» **Exercise**
Among the entries that follow, the required portion opens with the line containing "suite entrance fire" and closes with the line containing "door_1_placement = place(opening_1_placement, origin())". Give that portion again exactly, and nothing else.

» **Excerpted records**
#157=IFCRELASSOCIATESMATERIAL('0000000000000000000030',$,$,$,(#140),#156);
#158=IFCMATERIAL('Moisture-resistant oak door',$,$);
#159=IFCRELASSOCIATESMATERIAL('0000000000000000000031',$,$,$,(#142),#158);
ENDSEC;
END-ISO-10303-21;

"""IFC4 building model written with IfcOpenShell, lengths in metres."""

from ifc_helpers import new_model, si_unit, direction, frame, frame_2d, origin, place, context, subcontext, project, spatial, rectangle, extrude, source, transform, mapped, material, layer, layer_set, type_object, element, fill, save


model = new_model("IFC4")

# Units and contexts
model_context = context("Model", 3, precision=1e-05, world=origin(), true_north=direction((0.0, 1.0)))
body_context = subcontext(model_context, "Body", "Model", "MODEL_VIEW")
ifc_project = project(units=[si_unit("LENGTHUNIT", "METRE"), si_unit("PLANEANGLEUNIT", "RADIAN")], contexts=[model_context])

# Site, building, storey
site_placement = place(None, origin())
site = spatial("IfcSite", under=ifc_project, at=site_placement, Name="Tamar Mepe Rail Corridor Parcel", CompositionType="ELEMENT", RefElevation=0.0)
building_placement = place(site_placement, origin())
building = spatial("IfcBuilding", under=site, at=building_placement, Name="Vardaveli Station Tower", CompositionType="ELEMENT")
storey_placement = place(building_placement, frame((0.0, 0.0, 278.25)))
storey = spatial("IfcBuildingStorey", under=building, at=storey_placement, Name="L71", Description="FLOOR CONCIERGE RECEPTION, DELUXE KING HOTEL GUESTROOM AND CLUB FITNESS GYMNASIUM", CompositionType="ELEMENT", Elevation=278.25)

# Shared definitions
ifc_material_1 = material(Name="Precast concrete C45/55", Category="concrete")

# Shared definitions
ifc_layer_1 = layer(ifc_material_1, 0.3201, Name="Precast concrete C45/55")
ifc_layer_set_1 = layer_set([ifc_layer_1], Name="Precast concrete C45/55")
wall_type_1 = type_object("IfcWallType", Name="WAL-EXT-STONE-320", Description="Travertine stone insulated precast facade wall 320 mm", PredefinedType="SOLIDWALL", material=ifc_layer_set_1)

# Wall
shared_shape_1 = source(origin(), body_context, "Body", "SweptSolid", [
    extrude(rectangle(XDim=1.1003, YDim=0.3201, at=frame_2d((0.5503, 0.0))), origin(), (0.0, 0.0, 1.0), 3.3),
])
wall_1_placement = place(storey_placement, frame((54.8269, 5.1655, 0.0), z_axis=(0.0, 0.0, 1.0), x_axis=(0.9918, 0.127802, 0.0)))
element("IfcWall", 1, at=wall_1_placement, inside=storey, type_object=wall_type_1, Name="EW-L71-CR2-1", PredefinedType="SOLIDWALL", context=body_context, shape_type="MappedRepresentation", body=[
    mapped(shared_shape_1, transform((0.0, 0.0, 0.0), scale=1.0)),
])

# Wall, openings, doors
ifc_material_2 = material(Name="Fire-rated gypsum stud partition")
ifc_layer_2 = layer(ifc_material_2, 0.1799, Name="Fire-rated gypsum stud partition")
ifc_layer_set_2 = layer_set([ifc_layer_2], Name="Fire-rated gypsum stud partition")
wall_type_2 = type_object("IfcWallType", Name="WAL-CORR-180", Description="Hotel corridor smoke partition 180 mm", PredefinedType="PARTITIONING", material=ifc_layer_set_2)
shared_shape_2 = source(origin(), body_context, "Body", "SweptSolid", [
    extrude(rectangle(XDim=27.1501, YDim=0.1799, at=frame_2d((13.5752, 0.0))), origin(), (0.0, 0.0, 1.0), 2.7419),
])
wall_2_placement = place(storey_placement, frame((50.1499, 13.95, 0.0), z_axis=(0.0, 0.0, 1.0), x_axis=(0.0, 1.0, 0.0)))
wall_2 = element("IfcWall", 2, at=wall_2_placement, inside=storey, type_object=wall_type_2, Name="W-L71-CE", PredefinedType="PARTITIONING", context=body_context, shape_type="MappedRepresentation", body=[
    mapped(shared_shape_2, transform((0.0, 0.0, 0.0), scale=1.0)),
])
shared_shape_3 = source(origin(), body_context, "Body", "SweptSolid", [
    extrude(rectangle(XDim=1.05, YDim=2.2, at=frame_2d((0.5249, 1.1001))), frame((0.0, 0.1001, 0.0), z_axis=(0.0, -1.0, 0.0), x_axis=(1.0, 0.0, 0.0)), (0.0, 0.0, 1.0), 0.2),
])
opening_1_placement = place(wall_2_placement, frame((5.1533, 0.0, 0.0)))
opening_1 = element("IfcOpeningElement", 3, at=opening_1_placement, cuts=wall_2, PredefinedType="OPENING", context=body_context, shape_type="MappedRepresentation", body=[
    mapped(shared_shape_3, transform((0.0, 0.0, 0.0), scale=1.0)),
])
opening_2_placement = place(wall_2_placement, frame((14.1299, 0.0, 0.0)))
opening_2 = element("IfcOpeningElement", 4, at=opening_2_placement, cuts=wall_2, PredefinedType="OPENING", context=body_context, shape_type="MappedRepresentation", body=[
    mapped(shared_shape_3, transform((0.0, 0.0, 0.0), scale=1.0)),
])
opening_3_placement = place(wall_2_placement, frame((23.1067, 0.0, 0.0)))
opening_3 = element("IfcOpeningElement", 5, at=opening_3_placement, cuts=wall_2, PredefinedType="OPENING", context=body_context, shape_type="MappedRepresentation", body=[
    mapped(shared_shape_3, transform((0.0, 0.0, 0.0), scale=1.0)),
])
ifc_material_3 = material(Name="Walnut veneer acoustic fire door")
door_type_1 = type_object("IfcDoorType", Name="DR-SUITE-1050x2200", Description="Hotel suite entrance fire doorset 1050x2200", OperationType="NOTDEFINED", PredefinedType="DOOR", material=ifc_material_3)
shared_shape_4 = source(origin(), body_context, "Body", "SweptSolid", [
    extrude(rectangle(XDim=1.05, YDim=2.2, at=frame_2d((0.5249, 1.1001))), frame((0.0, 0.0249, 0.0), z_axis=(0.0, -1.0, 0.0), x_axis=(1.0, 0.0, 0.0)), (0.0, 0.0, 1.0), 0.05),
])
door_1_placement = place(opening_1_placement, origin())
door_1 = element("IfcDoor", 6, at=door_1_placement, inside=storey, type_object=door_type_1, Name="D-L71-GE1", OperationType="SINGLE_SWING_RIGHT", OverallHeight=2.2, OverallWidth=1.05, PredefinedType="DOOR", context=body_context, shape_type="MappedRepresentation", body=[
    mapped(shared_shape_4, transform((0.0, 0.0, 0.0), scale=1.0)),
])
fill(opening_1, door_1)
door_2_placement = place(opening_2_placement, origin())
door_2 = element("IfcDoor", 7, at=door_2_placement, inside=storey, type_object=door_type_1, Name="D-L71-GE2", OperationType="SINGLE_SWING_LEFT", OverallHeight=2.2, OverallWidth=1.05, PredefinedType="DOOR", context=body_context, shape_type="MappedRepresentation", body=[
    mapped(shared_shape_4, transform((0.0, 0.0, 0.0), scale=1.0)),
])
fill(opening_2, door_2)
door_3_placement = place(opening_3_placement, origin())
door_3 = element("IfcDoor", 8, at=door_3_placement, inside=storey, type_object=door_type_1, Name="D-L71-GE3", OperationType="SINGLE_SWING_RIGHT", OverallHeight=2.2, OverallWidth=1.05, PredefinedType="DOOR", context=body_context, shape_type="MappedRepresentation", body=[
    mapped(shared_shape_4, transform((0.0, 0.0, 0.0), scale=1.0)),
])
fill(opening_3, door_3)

» **Written reply**
door_type_1 = type_object("IfcDoorType", Name="DR-SUITE-1050x2200", Description="Hotel suite entrance fire doorset 1050x2200", OperationType="NOTDEFINED", PredefinedType="DOOR", material=ifc_material_3)
shared_shape_4 = source(origin(), body_context, "Body", "SweptSolid", [
    extrude(rectangle(XDim=1.05, YDim=2.2, at=frame_2d((0.5249, 1.1001))), frame((0.0, 0.0249, 0.0), z_axis=(0.0, -1.0, 0.0), x_axis=(1.0, 0.0, 0.0)), (0.0, 0.0, 1.0), 0.05),
])
door_1_placement = place(opening_1_placement, origin())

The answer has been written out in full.